• [WHAT THE EXERCISE ASKS]
Of the lines in the data below, write out exactly those from the one holding "#11=IFCBUILDING('0000000000000000000002',$,'Tuul Gate Civic" through the one holding "OFFICE AND PANTRY',$,#14,$,$,.ELEMENT.,99.3);", both included.

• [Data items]
<<<<

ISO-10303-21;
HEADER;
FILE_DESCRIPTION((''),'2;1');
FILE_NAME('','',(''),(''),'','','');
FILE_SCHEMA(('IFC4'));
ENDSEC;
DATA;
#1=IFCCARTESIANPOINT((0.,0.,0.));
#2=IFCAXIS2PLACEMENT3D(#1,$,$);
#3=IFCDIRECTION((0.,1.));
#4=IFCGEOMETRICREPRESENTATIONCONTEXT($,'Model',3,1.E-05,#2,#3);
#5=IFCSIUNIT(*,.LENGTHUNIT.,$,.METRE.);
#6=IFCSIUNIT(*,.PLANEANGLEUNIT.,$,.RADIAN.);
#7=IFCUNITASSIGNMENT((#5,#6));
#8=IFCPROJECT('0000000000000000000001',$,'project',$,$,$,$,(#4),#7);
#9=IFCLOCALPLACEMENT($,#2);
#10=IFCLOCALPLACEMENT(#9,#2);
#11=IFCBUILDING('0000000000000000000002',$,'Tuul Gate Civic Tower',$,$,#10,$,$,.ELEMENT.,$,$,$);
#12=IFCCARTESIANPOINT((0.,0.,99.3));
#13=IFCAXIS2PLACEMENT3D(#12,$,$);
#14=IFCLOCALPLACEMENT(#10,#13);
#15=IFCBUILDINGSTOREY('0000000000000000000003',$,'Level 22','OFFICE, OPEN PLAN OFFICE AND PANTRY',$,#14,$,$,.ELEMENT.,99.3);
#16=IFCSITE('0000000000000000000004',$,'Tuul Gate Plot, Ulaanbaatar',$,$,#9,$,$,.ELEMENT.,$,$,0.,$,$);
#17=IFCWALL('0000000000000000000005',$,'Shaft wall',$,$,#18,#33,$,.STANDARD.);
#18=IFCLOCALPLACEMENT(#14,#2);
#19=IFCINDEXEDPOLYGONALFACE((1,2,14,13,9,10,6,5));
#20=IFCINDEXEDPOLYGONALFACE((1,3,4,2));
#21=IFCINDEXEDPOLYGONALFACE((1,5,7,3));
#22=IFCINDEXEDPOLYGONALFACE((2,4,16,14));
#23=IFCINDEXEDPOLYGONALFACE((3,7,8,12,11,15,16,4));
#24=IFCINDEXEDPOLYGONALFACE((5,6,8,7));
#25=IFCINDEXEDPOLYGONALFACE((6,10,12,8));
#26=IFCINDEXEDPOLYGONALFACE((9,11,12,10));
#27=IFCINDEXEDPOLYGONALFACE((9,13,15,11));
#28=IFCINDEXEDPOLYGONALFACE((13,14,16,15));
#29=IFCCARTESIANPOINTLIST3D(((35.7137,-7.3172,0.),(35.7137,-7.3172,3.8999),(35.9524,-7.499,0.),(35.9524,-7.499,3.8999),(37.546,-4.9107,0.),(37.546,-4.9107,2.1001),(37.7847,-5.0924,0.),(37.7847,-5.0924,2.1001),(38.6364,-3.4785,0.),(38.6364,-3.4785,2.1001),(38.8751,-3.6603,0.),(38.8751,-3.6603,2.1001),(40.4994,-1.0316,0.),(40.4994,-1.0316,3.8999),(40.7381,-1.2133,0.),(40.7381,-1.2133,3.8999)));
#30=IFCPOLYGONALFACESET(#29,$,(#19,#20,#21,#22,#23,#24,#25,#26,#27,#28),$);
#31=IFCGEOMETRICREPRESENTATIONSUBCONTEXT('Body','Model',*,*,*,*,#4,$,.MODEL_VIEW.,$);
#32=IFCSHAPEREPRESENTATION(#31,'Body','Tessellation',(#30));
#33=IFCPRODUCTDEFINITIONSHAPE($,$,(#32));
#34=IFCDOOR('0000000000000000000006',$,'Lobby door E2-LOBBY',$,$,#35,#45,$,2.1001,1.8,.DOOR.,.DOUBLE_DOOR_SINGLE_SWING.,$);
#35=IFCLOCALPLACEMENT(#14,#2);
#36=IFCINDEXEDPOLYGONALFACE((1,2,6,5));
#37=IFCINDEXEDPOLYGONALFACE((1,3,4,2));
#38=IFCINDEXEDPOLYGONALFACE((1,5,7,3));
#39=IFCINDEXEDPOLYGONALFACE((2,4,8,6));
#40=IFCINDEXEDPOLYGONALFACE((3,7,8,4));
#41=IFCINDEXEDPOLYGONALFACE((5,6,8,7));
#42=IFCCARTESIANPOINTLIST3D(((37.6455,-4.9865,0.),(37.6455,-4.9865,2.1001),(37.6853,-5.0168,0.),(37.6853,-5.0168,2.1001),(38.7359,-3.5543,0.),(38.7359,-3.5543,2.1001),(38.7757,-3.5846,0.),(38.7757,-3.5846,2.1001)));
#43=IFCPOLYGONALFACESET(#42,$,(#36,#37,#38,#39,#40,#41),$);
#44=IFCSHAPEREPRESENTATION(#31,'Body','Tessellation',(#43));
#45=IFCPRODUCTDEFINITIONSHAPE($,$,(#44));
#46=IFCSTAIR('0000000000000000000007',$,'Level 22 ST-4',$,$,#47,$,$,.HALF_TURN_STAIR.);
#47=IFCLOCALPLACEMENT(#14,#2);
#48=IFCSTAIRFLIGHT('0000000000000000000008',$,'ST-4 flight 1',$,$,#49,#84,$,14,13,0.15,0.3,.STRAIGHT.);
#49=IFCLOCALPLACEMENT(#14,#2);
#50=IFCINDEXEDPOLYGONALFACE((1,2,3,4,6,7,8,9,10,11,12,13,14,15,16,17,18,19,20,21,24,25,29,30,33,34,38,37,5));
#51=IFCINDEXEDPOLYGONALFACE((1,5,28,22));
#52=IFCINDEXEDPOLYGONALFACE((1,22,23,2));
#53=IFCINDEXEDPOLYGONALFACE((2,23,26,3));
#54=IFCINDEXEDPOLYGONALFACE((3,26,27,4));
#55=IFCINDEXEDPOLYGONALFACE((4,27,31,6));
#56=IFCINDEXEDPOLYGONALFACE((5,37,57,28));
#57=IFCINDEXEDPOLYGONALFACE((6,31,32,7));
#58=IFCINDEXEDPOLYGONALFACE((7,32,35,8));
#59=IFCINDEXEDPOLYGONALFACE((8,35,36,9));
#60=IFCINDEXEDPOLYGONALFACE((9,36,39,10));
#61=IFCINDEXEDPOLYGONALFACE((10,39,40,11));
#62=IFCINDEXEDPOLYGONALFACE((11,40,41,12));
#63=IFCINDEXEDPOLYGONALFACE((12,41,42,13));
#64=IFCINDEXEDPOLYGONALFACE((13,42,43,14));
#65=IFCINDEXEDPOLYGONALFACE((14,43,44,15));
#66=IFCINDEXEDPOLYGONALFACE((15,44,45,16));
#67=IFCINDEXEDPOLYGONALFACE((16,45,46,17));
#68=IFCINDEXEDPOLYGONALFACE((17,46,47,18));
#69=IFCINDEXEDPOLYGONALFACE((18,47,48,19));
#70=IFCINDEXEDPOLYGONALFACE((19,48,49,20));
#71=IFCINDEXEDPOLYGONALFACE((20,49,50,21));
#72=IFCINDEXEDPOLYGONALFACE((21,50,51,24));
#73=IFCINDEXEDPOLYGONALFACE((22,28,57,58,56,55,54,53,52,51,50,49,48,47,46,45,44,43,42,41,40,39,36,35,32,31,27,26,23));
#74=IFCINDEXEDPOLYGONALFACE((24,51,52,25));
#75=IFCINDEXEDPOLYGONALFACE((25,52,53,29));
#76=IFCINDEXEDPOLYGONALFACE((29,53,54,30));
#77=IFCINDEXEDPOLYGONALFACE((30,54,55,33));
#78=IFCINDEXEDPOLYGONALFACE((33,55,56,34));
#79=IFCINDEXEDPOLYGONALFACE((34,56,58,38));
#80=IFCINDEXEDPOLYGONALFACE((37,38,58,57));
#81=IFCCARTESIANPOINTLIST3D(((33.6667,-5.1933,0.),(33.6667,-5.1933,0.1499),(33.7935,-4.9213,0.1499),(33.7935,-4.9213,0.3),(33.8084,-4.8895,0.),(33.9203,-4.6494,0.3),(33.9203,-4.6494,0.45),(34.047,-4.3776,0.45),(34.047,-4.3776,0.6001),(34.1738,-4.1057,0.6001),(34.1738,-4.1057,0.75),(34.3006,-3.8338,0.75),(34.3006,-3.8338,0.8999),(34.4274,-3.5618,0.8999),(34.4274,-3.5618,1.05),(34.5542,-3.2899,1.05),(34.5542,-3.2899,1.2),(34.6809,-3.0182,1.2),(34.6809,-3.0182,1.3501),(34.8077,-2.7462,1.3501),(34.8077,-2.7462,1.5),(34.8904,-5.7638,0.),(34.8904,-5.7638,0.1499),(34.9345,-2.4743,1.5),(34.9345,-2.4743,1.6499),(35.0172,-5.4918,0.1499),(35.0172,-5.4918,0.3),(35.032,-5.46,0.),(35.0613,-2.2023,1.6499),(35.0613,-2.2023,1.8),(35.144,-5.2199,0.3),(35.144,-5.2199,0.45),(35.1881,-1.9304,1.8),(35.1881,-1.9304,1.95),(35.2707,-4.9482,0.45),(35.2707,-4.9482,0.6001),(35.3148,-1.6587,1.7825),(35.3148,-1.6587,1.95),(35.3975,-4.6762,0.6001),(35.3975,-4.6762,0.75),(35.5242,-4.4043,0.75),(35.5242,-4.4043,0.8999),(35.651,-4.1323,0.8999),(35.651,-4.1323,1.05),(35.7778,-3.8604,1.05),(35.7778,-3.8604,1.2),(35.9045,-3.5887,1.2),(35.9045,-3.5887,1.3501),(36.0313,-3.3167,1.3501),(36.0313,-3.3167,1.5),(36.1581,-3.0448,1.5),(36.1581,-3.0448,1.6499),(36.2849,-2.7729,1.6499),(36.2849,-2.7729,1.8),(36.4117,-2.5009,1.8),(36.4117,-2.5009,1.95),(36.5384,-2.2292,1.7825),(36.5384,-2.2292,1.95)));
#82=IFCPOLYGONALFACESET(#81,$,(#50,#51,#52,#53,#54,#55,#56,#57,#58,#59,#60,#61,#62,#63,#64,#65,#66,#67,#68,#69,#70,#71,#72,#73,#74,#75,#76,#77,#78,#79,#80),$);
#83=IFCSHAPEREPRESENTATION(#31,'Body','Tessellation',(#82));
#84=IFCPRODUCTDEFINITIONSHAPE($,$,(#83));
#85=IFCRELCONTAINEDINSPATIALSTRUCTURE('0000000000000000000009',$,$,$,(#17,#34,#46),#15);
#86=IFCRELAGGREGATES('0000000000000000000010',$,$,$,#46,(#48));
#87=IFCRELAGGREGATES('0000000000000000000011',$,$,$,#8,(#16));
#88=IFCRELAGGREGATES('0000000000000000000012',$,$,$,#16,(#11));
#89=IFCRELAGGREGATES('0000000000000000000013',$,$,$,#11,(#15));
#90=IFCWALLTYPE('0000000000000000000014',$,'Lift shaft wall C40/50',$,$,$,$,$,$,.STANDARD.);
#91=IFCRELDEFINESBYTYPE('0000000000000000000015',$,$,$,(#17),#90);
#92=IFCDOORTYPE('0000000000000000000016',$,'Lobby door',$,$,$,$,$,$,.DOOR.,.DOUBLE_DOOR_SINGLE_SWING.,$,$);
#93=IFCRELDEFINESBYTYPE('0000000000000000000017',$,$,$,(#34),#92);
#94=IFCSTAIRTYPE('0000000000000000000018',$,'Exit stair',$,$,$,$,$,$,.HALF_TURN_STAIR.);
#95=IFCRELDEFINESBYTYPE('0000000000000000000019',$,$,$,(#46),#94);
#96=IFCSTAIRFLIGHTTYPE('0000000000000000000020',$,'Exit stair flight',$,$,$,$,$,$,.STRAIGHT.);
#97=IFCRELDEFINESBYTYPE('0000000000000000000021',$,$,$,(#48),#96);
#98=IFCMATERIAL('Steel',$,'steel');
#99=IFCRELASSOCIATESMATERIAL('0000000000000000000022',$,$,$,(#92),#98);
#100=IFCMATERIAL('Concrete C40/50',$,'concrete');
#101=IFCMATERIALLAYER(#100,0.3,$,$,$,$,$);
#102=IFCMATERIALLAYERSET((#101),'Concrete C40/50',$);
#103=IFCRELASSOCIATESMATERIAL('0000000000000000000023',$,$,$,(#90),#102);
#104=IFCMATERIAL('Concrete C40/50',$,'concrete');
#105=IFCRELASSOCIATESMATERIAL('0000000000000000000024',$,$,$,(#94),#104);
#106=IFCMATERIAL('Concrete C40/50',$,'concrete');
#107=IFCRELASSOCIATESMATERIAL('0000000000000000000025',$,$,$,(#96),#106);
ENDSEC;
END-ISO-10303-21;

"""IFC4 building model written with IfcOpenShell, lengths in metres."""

from ifc_helpers import new_model, si_unit, direction, frame, frame_2d, origin, place, context, subcontext, project, spatial, polyline, rectangle, outline, extrude, material, layer, layer_set, type_object, element, fill, aggregate, save


model = new_model("IFC4")

# Units and contexts
model_context = context("Model", 3, precision=1e-05, world=origin(), true_north=direction((0.0, 1.0)))
body_context = subcontext(model_context, "Body", "Model", "MODEL_VIEW")
ifc_project = project(units=[si_unit("LENGTHUNIT", "METRE"), si_unit("PLANEANGLEUNIT", "RADIAN")], contexts=[model_context])

# Site, building, storey
site_placement = place(None, origin())
site = spatial("IfcSite", under=ifc_project, at=site_placement, Name="Tuul Gate Plot, Ulaanbaatar", CompositionType="ELEMENT", RefElevation=0.0)
building_placement = place(site_placement, origin())
building = spatial("IfcBuilding", under=site, at=building_placement, Name="Tuul Gate Civic Tower", CompositionType="ELEMENT")
storey_placement = place(building_placement, frame((0.0, 0.0, 99.3)))
storey = spatial("IfcBuildingStorey", under=building, at=storey_placement, Name="Level 22", Description="OFFICE, OPEN PLAN OFFICE AND PANTRY", CompositionType="ELEMENT", Elevation=99.3)

# Shared definitions
ifc_material_1 = material(Name="Steel", Category="steel")
door_type_1 = type_object("IfcDoorType", Name="Lobby door", OperationType="DOUBLE_DOOR_SINGLE_SWING", PredefinedType="DOOR", material=ifc_material_1)

# Shared definitions
ifc_material_2 = material(Name="Concrete C40/50", Category="concrete")
ifc_layer_1 = layer(ifc_material_2, 0.3)
ifc_layer_set_1 = layer_set([ifc_layer_1], Name="Concrete C40/50")
wall_type_1 = type_object("IfcWallType", Name="Lift shaft wall C40/50", PredefinedType="STANDARD", material=ifc_layer_set_1)

# Wall, opening, door
wall_1_placement = place(storey_placement, frame((35.833, -7.4082, 0.0), z_axis=(0.0, 0.0, 1.0), x_axis=(0.605769, 0.79564, 0.0)))
wall_1 = element("IfcWall", 1, at=wall_1_placement, inside=storey, type_object=wall_type_1, Name="Shaft wall", PredefinedType="STANDARD", context=body_context, shape_type="SweptSolid", body=[
    extrude(rectangle(XDim=7.9001, YDim=0.3, at=frame_2d((3.9502, 0.0))), origin(), (0.0, 0.0, 1.0), 3.8999),
])
opening_1_placement = place(wall_1_placement, frame((3.0249, 0.0, 0.0)))
opening_1 = element("IfcOpeningElement", 2, at=opening_1_placement, cuts=wall_1, PredefinedType="OPENING", context=body_context, shape_type="SweptSolid", body=[
    extrude(rectangle(XDim=1.8, YDim=2.1001, at=frame_2d((0.8999, 1.05))), frame((0.0, 0.1602, 0.0), z_axis=(0.0, -1.0, 0.0), x_axis=(1.0, 0.0, 0.0)), (0.0, 0.0, 1.0), 0.3201),
])
door_1_placement = place(opening_1_placement, origin())
door_1 = element("IfcDoor", 3, at=door_1_placement, inside=storey, type_object=door_type_1, Name="Lobby door E2-LOBBY", OperationType="DOUBLE_DOOR_SINGLE_SWING", OverallHeight=2.1001, OverallWidth=1.8, PredefinedType="DOOR", context=body_context, shape_type="SweptSolid", body=[
    extrude(rectangle(XDim=1.8, YDim=2.1001, at=frame_2d((0.8999, 1.05))), frame((0.0, 0.0249, 0.0), z_axis=(0.0, -1.0, 0.0), x_axis=(1.0, 0.0, 0.0)), (0.0, 0.0, 1.0), 0.05),
])
fill(opening_1, door_1)

# Stair, stair flight
ifc_material_3 = material(Name="Concrete C40/50", Category="concrete")
stair_type = type_object("IfcStairType", Name="Exit stair", PredefinedType="HALF_TURN_STAIR", material=ifc_material_3)
stair_placement = place(storey_placement, origin())
stair = element("IfcStair", 4, at=stair_placement, inside=storey, type_object=stair_type, Name="Level 22 ST-4", PredefinedType="HALF_TURN_STAIR")
ifc_material_4 = material(Name="Concrete C40/50", Category="concrete")
stair_flight_type = type_object("IfcStairFlightType", Name="Exit stair flight", PredefinedType="STRAIGHT", material=ifc_material_4)
stair_flight_placement = place(storey_placement, frame((34.2786, -5.4785, 0.0), z_axis=(0.0, 0.0, 1.0), x_axis=(0.422576, 0.906327, 0.0)))
stair_flight = element("IfcStairFlight", 5, at=stair_flight_placement, type_object=stair_flight_type, Name="ST-4 flight 1", NumberOfRisers=14, NumberOfTreads=13, PredefinedType="STRAIGHT", RiserHeight=0.15, TreadLength=0.3, context=body_context, shape_type="SweptSolid", body=[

>>>>

• [OUTPUT FOR THIS EXERCISE]
#11=IFCBUILDING('0000000000000000000002',$,'Tuul Gate Civic Tower',$,$,#10,$,$,.ELEMENT.,$,$,$);
#12=IFCCARTESIANPOINT((0.,0.,99.3));
#13=IFCAXIS2PLACEMENT3D(#12,$,$);
#14=IFCLOCALPLACEMENT(#10,#13);
#15=IFCBUILDINGSTOREY('0000000000000000000003',$,'Level 22','OFFICE, OPEN PLAN OFFICE AND PANTRY',$,#14,$,$,.ELEMENT.,99.3);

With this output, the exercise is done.